Start of Data under study

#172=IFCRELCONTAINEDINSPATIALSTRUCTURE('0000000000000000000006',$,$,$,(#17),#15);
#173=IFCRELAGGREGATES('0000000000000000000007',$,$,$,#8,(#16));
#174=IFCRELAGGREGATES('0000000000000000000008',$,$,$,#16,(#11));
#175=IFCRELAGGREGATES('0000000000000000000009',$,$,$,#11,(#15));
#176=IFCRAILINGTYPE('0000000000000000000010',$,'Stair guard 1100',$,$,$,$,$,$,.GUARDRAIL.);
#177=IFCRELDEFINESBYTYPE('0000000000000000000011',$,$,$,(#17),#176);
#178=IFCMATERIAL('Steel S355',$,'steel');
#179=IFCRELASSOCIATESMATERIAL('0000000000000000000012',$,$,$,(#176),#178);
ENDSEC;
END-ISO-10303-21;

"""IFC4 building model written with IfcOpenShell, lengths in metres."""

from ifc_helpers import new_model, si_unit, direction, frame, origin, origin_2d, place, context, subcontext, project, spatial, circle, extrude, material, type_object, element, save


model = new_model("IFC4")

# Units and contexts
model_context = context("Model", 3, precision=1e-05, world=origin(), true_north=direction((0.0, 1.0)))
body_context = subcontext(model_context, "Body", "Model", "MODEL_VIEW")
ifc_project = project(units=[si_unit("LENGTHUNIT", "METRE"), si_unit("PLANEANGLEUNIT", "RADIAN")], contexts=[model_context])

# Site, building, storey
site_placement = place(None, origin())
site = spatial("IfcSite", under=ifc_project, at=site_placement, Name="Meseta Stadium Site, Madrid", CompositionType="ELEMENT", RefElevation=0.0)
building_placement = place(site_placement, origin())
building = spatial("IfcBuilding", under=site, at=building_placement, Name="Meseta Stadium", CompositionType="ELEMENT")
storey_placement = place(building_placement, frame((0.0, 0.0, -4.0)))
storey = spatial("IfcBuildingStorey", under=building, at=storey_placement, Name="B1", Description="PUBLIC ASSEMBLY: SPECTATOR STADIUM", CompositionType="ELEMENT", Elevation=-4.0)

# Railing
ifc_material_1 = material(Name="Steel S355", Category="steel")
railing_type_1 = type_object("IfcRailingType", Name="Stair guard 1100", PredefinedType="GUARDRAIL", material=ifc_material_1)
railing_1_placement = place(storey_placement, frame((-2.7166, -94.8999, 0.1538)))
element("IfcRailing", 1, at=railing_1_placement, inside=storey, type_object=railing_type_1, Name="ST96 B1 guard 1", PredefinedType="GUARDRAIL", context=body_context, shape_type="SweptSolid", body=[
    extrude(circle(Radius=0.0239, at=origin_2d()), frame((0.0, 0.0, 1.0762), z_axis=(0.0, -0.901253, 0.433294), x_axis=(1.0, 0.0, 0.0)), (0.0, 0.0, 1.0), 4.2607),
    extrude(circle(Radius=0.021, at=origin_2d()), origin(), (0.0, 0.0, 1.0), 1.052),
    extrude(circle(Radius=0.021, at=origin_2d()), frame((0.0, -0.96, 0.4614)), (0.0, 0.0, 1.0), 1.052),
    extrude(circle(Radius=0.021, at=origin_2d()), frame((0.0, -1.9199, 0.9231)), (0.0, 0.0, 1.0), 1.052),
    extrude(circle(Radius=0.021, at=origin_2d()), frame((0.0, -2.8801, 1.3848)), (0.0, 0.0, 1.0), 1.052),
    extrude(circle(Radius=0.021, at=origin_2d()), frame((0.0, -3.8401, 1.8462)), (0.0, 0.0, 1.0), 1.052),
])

End of Data under study

◆ **To do**
The answer is the full set of records, printed exactly as given.

◆ **Answer box**
#172=IFCRELCONTAINEDINSPATIALSTRUCTURE('0000000000000000000006',$,$,$,(#17),#15);
#173=IFCRELAGGREGATES('0000000000000000000007',$,$,$,#8,(#16));
#174=IFCRELAGGREGATES('0000000000000000000008',$,$,$,#16,(#11));
#175=IFCRELAGGREGATES('0000000000000000000009',$,$,$,#11,(#15));
#176=IFCRAILINGTYPE('0000000000000000000010',$,'Stair guard 1100',$,$,$,$,$,$,.GUARDRAIL.);
#177=IFCRELDEFINESBYTYPE('0000000000000000000011',$,$,$,(#17),#176);
#178=IFCMATERIAL('Steel S355',$,'steel');
#179=IFCRELASSOCIATESMATERIAL('0000000000000000000012',$,$,$,(#176),#178);
ENDSEC;
END-ISO-10303-21;

"""IFC4 building model written with IfcOpenShell, lengths in metres."""

from ifc_helpers import new_model, si_unit, direction, frame, origin, origin_2d, place, context, subcontext, project, spatial, circle, extrude, material, type_object, element, save


model = new_model("IFC4")

# Units and contexts
model_context = context("Model", 3, precision=1e-05, world=origin(), true_north=direction((0.0, 1.0)))
body_context = subcontext(model_context, "Body", "Model", "MODEL_VIEW")
ifc_project = project(units=[si_unit("LENGTHUNIT", "METRE"), si_unit("PLANEANGLEUNIT", "RADIAN")], contexts=[model_context])

# Site, building, storey
site_placement = place(None, origin())
site = spatial("IfcSite", under=ifc_project, at=site_placement, Name="Meseta Stadium Site, Madrid", CompositionType="ELEMENT", RefElevation=0.0)
building_placement = place(site_placement, origin())
building = spatial("IfcBuilding", under=site, at=building_placement, Name="Meseta Stadium", CompositionType="ELEMENT")
storey_placement = place(building_placement, frame((0.0, 0.0, -4.0)))
storey = spatial("IfcBuildingStorey", under=building, at=storey_placement, Name="B1", Description="PUBLIC ASSEMBLY: SPECTATOR STADIUM", CompositionType="ELEMENT", Elevation=-4.0)

# Railing
ifc_material_1 = material(Name="Steel S355", Category="steel")
railing_type_1 = type_object("IfcRailingType", Name="Stair guard 1100", PredefinedType="GUARDRAIL", material=ifc_material_1)
railing_1_placement = place(storey_placement, frame((-2.7166, -94.8999, 0.1538)))
element("IfcRailing", 1, at=railing_1_placement, inside=storey, type_object=railing_type_1, Name="ST96 B1 guard 1", PredefinedType="GUARDRAIL", context=body_context, shape_type="SweptSolid", body=[
    extrude(circle(Radius=0.0239, at=origin_2d()), frame((0.0, 0.0, 1.0762), z_axis=(0.0, -0.901253, 0.433294), x_axis=(1.0, 0.0, 0.0)), (0.0, 0.0, 1.0), 4.2607),
    extrude(circle(Radius=0.021, at=origin_2d()), origin(), (0.0, 0.0, 1.0), 1.052),
    extrude(circle(Radius=0.021, at=origin_2d()), frame((0.0, -0.96, 0.4614)), (0.0, 0.0, 1.0), 1.052),
    extrude(circle(Radius=0.021, at=origin_2d()), frame((0.0, -1.9199, 0.9231)), (0.0, 0.0, 1.0), 1.052),
    extrude(circle(Radius=0.021, at=origin_2d()), frame((0.0, -2.8801, 1.3848)), (0.0, 0.0, 1.0), 1.052),
    extrude(circle(Radius=0.021, at=origin_2d()), frame((0.0, -3.8401, 1.8462)), (0.0, 0.0, 1.0), 1.052),
])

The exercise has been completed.